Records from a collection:
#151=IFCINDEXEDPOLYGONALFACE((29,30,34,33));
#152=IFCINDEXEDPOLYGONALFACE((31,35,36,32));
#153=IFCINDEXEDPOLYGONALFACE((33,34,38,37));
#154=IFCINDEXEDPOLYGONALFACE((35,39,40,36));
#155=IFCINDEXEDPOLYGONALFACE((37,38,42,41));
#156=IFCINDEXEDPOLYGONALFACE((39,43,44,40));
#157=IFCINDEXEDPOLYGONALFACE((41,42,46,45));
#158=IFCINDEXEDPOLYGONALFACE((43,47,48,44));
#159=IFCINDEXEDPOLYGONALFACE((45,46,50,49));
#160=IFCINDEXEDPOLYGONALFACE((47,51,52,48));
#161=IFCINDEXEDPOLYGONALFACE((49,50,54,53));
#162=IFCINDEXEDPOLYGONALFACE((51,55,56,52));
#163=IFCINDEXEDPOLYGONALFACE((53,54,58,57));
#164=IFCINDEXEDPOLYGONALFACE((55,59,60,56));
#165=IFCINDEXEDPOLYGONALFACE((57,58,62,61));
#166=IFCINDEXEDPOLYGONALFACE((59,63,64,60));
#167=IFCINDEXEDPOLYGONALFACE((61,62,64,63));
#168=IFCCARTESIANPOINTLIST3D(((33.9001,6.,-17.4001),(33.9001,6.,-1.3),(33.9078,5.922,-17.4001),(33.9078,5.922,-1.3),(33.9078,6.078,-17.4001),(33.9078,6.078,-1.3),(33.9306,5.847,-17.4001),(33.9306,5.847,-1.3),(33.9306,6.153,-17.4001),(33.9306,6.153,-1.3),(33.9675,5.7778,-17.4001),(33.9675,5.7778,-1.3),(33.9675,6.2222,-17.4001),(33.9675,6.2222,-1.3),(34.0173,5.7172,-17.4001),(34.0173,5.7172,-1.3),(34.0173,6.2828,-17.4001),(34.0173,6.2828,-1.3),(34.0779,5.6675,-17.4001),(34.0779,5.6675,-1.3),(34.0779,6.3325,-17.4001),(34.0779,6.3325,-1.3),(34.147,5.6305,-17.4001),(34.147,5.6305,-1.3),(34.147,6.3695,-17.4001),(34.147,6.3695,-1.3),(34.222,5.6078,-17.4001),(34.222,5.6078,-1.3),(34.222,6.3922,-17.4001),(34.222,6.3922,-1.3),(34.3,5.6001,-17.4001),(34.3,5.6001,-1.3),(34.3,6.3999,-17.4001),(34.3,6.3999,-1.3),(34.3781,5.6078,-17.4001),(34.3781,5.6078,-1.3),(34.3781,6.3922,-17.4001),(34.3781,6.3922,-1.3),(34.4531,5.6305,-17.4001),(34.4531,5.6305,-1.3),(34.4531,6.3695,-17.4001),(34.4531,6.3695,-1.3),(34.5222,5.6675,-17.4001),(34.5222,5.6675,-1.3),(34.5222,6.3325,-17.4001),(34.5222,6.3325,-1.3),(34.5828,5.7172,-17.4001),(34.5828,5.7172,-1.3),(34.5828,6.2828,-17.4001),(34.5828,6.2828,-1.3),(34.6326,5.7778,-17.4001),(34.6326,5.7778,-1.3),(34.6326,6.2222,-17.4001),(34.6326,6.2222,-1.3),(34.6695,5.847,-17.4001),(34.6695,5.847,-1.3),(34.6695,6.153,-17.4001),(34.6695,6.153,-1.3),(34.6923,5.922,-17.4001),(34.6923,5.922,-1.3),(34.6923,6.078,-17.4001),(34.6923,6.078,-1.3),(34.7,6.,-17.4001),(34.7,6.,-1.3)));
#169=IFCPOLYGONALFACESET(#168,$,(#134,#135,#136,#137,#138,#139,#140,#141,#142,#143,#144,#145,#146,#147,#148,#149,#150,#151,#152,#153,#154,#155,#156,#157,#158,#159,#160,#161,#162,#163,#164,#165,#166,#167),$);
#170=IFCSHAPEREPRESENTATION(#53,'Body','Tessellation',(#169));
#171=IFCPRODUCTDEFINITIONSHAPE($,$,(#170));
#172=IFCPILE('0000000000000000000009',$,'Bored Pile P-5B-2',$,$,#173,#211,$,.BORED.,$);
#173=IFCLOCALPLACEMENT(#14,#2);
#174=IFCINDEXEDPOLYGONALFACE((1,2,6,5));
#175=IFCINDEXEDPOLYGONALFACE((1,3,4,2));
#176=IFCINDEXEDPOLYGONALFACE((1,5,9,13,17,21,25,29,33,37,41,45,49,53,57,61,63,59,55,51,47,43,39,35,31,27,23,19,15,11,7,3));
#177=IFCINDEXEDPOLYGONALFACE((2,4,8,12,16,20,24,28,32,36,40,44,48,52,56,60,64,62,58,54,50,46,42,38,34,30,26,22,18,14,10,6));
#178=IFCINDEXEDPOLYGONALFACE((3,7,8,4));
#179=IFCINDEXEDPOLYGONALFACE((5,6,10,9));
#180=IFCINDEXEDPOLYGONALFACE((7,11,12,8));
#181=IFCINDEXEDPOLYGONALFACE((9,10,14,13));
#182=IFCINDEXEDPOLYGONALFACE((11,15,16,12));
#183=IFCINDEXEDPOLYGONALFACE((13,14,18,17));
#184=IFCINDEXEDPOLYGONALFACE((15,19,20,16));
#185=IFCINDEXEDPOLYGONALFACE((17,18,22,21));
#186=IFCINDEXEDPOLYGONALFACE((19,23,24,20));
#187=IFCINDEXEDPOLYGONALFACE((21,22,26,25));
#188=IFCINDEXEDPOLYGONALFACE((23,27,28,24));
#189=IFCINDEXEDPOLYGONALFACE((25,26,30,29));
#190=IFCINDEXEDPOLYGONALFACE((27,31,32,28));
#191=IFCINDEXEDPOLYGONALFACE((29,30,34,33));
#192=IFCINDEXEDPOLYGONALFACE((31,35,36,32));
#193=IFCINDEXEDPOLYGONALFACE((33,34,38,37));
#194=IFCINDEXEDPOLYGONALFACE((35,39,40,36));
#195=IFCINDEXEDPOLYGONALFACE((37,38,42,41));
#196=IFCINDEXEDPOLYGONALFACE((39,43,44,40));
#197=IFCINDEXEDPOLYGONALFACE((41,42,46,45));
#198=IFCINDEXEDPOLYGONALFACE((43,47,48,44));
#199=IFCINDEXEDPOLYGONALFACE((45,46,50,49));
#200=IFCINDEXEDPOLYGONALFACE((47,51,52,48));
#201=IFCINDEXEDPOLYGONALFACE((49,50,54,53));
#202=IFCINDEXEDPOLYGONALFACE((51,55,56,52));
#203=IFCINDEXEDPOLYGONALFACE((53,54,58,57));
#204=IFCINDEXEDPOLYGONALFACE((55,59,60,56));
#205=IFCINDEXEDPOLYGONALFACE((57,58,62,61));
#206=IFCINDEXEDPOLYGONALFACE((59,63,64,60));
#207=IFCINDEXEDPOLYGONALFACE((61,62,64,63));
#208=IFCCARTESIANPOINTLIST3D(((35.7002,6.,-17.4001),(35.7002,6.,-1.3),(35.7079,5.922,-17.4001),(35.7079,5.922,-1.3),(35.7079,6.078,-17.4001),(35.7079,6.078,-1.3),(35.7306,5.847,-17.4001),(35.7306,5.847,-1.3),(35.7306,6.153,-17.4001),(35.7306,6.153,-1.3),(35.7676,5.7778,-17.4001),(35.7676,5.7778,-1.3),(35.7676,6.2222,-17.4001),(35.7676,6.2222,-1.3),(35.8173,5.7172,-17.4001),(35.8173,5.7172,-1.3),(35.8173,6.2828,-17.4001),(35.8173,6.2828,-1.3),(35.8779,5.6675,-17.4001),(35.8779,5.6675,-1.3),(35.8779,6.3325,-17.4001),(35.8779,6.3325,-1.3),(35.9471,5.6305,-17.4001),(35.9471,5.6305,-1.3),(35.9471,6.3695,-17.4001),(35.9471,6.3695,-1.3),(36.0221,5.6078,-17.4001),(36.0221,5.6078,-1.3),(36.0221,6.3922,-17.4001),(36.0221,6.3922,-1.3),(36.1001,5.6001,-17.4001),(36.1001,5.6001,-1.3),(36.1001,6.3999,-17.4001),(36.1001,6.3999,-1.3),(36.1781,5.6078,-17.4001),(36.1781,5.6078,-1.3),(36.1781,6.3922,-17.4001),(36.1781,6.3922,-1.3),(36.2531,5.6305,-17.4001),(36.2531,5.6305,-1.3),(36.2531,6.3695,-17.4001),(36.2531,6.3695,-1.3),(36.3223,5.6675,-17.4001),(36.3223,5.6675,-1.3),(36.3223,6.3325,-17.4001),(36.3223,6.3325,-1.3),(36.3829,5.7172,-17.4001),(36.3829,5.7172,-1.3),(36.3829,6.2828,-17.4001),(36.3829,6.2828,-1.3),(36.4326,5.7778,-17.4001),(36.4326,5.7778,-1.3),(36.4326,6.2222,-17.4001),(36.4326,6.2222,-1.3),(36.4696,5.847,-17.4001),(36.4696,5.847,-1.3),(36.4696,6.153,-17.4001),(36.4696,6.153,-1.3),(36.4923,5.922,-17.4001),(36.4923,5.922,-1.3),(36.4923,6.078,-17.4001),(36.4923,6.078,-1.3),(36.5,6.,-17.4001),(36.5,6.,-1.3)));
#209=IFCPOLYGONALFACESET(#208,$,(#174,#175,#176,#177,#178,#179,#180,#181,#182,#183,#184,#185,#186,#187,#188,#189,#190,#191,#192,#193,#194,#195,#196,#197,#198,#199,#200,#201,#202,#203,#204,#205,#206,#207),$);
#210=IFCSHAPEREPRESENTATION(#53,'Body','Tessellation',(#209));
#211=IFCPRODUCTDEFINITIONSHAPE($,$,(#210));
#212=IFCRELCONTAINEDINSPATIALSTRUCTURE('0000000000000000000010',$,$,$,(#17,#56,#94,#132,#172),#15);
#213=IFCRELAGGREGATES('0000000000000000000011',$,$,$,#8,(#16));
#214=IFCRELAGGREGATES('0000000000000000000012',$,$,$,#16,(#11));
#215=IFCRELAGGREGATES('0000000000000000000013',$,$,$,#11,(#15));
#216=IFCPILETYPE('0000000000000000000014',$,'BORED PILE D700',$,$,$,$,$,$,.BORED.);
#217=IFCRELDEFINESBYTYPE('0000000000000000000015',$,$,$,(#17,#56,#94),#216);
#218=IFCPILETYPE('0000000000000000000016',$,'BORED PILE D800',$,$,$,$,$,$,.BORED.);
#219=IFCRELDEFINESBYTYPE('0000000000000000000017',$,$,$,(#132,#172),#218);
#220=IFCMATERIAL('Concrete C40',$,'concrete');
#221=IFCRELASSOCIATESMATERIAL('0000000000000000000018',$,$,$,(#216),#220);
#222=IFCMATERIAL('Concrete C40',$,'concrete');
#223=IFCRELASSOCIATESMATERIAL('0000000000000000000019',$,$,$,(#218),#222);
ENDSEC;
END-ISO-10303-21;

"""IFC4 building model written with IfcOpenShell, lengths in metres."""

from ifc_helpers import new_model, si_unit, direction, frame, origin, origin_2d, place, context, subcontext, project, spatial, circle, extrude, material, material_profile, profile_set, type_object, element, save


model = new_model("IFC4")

Problem to solve: Only the lines above starting with the one with "#201=IFCINDEXEDPOLYGONALFACE((49,50,54,53));" and going through the one with "#207=IFCINDEXEDPOLYGONALFACE((61,62,64,63));" are to be copied, word for word and with both ends kept.

Problem solution:
#201=IFCINDEXEDPOLYGONALFACE((49,50,54,53));
#202=IFCINDEXEDPOLYGONALFACE((51,55,56,52));
#203=IFCINDEXEDPOLYGONALFACE((53,54,58,57));
#204=IFCINDEXEDPOLYGONALFACE((55,59,60,56));
#205=IFCINDEXEDPOLYGONALFACE((57,58,62,61));
#206=IFCINDEXEDPOLYGONALFACE((59,63,64,60));
#207=IFCINDEXEDPOLYGONALFACE((61,62,64,63));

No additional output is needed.